- **Supplied material**:
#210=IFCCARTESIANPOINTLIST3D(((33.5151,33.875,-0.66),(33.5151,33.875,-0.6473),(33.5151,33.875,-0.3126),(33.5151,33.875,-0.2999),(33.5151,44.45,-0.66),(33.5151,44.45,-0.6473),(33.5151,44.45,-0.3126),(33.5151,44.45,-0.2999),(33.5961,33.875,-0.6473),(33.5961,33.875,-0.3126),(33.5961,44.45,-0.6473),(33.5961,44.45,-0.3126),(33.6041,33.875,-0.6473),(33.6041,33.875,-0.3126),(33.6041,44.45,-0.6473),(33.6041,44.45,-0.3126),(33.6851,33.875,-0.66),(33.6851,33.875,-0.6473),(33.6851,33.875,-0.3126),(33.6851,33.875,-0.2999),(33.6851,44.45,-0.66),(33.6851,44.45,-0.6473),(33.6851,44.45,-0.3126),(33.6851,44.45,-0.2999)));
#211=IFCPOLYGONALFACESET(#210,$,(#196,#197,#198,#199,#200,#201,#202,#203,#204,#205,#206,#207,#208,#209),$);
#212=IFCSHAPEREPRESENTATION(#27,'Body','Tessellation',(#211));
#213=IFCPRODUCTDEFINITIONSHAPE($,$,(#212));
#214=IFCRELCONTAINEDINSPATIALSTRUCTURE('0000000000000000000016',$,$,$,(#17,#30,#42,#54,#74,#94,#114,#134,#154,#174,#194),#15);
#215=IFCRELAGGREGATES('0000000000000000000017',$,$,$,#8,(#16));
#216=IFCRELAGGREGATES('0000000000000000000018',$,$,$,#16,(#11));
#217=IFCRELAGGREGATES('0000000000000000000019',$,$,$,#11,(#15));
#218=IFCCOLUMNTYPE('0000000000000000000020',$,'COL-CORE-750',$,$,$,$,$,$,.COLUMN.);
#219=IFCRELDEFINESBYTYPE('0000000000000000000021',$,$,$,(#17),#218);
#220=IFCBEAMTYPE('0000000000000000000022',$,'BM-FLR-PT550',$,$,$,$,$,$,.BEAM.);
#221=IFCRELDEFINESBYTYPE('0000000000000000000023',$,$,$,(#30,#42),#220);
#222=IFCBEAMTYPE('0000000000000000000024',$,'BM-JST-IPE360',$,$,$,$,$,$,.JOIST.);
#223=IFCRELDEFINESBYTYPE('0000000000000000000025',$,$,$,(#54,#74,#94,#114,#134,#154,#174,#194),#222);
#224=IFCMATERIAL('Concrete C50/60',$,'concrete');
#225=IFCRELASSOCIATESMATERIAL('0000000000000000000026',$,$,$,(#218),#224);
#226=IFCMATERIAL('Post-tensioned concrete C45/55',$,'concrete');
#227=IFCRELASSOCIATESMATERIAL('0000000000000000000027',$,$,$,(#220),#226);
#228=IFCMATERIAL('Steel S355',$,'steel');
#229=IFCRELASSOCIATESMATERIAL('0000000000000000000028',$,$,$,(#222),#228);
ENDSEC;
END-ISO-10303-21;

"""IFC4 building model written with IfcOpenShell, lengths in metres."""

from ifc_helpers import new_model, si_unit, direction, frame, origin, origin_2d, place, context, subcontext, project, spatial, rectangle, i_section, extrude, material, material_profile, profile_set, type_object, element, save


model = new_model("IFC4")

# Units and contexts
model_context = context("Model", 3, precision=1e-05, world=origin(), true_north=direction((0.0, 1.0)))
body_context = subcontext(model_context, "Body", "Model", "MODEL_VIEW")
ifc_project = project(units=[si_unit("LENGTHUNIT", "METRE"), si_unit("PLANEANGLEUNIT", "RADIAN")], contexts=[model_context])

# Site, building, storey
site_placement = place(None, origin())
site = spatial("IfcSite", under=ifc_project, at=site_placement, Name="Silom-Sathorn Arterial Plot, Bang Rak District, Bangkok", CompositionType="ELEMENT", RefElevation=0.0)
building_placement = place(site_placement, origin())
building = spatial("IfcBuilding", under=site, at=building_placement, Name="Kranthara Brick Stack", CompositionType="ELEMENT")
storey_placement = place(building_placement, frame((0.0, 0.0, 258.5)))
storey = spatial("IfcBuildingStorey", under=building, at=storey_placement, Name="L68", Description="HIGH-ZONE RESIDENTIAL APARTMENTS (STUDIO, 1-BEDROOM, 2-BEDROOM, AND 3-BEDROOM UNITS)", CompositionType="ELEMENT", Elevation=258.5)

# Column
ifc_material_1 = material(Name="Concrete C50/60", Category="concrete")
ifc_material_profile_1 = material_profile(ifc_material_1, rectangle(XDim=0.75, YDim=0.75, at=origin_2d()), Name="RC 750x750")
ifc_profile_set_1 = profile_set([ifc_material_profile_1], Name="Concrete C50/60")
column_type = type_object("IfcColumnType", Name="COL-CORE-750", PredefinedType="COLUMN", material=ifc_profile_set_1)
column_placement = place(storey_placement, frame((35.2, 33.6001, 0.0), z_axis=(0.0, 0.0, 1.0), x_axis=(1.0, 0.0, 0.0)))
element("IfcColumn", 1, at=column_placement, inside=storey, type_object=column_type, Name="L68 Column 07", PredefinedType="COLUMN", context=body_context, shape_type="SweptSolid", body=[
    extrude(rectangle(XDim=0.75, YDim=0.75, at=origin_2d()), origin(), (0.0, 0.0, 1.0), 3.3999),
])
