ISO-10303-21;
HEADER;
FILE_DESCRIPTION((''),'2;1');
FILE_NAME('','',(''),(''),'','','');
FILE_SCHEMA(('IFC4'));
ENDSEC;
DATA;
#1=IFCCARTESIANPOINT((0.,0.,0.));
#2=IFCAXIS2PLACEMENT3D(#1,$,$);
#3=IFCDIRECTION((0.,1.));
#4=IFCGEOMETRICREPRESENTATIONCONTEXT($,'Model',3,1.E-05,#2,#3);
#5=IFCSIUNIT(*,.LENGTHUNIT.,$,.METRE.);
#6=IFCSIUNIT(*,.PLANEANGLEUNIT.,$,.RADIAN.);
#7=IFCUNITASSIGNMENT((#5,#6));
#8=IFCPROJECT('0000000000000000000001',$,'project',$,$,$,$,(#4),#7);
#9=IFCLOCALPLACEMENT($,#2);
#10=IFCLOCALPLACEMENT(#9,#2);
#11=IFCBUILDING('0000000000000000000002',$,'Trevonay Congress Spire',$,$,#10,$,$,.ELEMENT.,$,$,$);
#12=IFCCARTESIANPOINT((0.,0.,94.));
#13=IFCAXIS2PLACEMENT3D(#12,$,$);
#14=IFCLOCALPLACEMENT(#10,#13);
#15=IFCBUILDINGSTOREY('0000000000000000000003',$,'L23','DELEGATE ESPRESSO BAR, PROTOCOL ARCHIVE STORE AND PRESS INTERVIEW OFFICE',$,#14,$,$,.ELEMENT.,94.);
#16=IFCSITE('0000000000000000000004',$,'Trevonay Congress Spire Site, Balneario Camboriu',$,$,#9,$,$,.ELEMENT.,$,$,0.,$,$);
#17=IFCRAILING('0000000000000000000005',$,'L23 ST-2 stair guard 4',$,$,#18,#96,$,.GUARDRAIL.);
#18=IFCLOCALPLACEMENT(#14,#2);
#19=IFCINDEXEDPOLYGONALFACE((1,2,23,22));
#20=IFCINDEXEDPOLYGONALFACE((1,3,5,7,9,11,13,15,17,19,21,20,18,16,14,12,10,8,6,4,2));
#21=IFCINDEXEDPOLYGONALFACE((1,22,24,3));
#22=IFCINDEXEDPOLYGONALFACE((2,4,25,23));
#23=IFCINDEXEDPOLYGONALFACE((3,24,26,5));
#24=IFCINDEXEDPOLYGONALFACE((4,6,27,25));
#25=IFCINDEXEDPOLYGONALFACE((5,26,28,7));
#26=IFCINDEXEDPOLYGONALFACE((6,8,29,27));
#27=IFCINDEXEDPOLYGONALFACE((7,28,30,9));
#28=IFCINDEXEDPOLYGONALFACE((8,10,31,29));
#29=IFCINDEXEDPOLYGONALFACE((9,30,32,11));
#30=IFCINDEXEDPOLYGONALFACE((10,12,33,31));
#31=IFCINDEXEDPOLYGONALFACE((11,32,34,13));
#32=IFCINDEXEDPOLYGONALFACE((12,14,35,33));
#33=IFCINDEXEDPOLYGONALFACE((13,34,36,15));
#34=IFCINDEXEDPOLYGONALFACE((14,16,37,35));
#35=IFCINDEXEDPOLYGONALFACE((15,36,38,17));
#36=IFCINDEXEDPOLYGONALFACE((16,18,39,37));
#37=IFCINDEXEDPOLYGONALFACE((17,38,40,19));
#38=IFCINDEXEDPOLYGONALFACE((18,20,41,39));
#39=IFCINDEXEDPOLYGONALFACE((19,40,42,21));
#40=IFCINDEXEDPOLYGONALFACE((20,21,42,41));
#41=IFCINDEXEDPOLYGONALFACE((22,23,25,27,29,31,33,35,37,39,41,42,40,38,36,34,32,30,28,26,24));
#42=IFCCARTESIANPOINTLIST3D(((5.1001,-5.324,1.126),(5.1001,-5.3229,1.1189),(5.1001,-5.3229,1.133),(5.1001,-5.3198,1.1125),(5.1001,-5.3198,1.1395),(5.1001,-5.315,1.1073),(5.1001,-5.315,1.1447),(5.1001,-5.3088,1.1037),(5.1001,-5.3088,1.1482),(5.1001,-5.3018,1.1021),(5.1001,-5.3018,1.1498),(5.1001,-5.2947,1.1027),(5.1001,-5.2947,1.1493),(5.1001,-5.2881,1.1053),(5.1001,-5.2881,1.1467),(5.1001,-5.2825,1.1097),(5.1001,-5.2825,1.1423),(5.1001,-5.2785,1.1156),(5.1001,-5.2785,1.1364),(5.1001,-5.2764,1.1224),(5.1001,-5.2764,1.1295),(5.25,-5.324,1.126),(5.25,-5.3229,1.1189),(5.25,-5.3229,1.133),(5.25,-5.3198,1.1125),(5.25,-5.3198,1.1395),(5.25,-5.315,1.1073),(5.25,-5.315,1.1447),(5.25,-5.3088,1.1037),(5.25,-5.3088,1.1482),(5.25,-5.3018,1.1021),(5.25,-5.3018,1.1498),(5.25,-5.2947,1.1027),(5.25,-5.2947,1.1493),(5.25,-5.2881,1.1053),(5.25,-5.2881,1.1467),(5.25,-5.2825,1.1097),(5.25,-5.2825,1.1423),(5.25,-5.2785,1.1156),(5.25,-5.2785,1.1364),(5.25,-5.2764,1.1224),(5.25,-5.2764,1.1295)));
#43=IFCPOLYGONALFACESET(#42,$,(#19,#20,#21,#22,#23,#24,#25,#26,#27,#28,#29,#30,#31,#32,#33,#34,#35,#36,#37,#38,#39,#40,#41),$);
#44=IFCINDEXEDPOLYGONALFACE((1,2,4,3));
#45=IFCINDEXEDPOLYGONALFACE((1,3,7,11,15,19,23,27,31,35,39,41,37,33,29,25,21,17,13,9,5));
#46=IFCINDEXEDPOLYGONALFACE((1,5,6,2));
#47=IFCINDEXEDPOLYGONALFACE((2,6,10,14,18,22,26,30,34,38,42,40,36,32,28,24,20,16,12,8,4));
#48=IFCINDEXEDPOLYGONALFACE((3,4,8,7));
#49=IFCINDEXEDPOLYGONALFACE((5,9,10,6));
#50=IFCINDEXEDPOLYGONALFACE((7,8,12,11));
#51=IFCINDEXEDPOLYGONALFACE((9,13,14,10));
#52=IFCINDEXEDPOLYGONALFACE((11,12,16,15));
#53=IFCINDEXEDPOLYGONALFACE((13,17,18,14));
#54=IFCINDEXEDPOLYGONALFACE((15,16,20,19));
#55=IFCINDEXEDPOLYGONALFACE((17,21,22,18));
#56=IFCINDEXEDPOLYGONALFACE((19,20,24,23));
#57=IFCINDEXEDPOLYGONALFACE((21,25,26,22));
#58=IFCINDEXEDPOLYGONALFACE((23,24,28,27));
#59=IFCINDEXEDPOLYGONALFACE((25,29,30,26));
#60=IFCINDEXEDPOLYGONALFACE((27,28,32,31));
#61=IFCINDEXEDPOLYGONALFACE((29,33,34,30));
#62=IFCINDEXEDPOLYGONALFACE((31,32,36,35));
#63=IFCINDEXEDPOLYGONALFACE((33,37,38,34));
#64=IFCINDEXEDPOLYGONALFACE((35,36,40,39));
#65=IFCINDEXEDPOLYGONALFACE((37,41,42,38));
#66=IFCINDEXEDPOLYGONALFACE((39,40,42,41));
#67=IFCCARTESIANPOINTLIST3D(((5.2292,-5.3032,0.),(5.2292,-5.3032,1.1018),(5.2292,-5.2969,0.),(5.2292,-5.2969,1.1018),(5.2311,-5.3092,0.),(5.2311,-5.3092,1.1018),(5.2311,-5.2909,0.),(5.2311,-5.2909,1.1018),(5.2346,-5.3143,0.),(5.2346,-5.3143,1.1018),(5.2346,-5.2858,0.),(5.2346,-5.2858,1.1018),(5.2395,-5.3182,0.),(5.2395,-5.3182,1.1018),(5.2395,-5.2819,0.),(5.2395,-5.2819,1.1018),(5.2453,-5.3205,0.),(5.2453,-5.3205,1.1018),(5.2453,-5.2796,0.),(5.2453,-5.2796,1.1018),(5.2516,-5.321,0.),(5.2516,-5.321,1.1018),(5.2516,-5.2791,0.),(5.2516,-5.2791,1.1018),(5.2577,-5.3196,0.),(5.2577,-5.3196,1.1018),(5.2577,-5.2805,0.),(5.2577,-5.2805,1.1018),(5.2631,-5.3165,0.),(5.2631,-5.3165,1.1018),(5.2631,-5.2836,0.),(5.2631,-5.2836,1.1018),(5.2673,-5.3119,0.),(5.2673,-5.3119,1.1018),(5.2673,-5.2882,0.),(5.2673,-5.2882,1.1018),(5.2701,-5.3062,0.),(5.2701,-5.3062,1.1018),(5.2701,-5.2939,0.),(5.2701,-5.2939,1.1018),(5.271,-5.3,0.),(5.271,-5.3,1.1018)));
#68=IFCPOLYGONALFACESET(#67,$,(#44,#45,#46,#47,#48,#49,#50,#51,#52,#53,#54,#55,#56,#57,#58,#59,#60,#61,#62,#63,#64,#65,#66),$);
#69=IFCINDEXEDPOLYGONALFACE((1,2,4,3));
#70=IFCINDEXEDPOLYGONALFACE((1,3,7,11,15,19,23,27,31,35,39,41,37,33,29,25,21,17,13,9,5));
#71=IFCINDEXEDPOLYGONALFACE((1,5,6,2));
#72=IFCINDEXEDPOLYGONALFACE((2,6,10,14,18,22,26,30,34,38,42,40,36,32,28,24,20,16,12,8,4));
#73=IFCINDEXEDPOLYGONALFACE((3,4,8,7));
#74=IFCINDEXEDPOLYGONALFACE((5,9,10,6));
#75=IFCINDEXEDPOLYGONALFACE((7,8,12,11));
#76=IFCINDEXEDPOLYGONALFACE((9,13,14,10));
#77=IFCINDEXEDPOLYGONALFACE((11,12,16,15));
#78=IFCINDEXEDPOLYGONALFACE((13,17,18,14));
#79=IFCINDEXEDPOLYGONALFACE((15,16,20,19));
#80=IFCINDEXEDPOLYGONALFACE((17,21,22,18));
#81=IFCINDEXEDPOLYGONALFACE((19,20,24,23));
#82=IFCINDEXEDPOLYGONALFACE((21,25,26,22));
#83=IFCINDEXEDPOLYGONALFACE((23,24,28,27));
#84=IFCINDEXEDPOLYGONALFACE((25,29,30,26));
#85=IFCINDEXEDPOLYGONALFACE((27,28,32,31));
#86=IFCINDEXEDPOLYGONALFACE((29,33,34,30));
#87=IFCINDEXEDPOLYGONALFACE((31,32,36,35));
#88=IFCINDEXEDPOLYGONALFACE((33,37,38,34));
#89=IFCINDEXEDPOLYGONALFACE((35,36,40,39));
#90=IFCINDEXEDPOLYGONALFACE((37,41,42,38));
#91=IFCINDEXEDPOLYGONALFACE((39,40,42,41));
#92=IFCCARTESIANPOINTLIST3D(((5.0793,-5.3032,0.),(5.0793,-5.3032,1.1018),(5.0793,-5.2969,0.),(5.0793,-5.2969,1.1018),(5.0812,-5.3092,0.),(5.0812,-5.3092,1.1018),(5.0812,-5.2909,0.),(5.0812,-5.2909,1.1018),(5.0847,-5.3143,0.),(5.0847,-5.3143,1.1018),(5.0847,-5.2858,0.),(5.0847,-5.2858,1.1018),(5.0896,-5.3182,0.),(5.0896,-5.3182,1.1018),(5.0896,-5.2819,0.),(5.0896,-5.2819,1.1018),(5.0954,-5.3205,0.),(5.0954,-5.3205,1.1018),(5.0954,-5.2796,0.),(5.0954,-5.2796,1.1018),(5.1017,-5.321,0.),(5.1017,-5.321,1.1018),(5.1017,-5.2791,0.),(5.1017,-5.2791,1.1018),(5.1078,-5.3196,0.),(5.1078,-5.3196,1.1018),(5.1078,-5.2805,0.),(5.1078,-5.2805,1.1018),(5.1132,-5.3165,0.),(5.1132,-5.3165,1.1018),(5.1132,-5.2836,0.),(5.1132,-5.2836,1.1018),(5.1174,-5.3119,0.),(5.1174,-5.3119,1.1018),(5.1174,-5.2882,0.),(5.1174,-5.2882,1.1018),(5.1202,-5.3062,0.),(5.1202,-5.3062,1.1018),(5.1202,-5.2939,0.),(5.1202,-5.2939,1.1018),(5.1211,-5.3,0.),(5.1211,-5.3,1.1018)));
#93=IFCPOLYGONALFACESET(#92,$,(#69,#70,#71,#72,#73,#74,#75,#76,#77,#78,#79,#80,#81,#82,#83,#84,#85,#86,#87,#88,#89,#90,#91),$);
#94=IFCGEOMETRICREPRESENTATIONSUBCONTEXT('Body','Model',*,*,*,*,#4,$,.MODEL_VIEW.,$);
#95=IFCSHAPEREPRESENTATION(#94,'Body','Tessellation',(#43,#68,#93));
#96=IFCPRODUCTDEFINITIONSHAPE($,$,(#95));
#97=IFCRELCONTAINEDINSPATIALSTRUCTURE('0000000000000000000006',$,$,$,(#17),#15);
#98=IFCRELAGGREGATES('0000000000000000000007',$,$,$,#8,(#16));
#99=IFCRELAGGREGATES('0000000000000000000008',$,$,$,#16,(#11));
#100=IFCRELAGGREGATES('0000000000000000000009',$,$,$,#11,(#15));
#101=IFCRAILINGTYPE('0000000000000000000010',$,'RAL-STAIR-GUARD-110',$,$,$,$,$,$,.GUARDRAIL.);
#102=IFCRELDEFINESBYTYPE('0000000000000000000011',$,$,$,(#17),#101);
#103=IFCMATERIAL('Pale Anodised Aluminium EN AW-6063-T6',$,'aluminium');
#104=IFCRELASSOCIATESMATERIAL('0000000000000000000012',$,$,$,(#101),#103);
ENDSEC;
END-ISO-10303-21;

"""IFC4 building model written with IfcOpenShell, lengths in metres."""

from ifc_helpers import new_model, si_unit, direction, frame, origin, origin_2d, place, context, subcontext, project, spatial, circle, extrude, material, type_object, element, save


model = new_model("IFC4")

# Units and contexts
model_context = context("Model", 3, precision=1e-05, world=origin(), true_north=direction((0.0, 1.0)))
body_context = subcontext(model_context, "Body", "Model", "MODEL_VIEW")
ifc_project = project(units=[si_unit("LENGTHUNIT", "METRE"), si_unit("PLANEANGLEUNIT", "RADIAN")], contexts=[model_context])

# Site, building, storey
site_placement = place(None, origin())
site = spatial("IfcSite", under=ifc_project, at=site_placement, Name="Trevonay Congress Spire Site, Balneario Camboriu", CompositionType="ELEMENT", RefElevation=0.0)
building_placement = place(site_placement, origin())
building = spatial("IfcBuilding", under=site, at=building_placement, Name="Trevonay Congress Spire", CompositionType="ELEMENT")
storey_placement = place(building_placement, frame((0.0, 0.0, 94.0)))
storey = spatial("IfcBuildingStorey", under=building, at=storey_placement, Name="L23", Description="DELEGATE ESPRESSO BAR, PROTOCOL ARCHIVE STORE AND PRESS INTERVIEW OFFICE", CompositionType="ELEMENT", Elevation=94.0)

# Shared definitions
ifc_material_1 = material(Name="Pale Anodised Aluminium EN AW-6063-T6", Category="aluminium")

# Railing
railing_type_1 = type_object("IfcRailingType", Name="RAL-STAIR-GUARD-110", PredefinedType="GUARDRAIL", material=ifc_material_1)
railing_1_placement = place(storey_placement, frame((5.25, -5.3, 0.0)))
element("IfcRailing", 1, at=railing_1_placement, inside=storey, type_object=railing_type_1, Name="L23 ST-2 stair guard 4", PredefinedType="GUARDRAIL", context=body_context, shape_type="SweptSolid", body=[
    extrude(circle(Radius=0.0239, at=origin_2d()), frame((0.0, 0.0, 1.126), z_axis=(-1.0, 0.0, 0.0), x_axis=(0.0, -1.0, 0.0)), (0.0, 0.0, 1.0), 0.1499),
    extrude(circle(Radius=0.021, at=origin_2d()), origin(), (0.0, 0.0, 1.0), 1.1018),
    extrude(circle(Radius=0.021, at=origin_2d()), frame((-0.1499, 0.0, 0.0)), (0.0, 0.0, 1.0), 1.1018),
])

save(model, "model.ifc")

- **Problem to work on**: Starting from the records above, filter out all lines except those containing the word "IFCLOCALPLACEMENT".

- **Output for this exercise**:
#9=IFCLOCALPLACEMENT($,#2);
#10=IFCLOCALPLACEMENT(#9,#2);
#14=IFCLOCALPLACEMENT(#10,#13);
#18=IFCLOCALPLACEMENT(#14,#2);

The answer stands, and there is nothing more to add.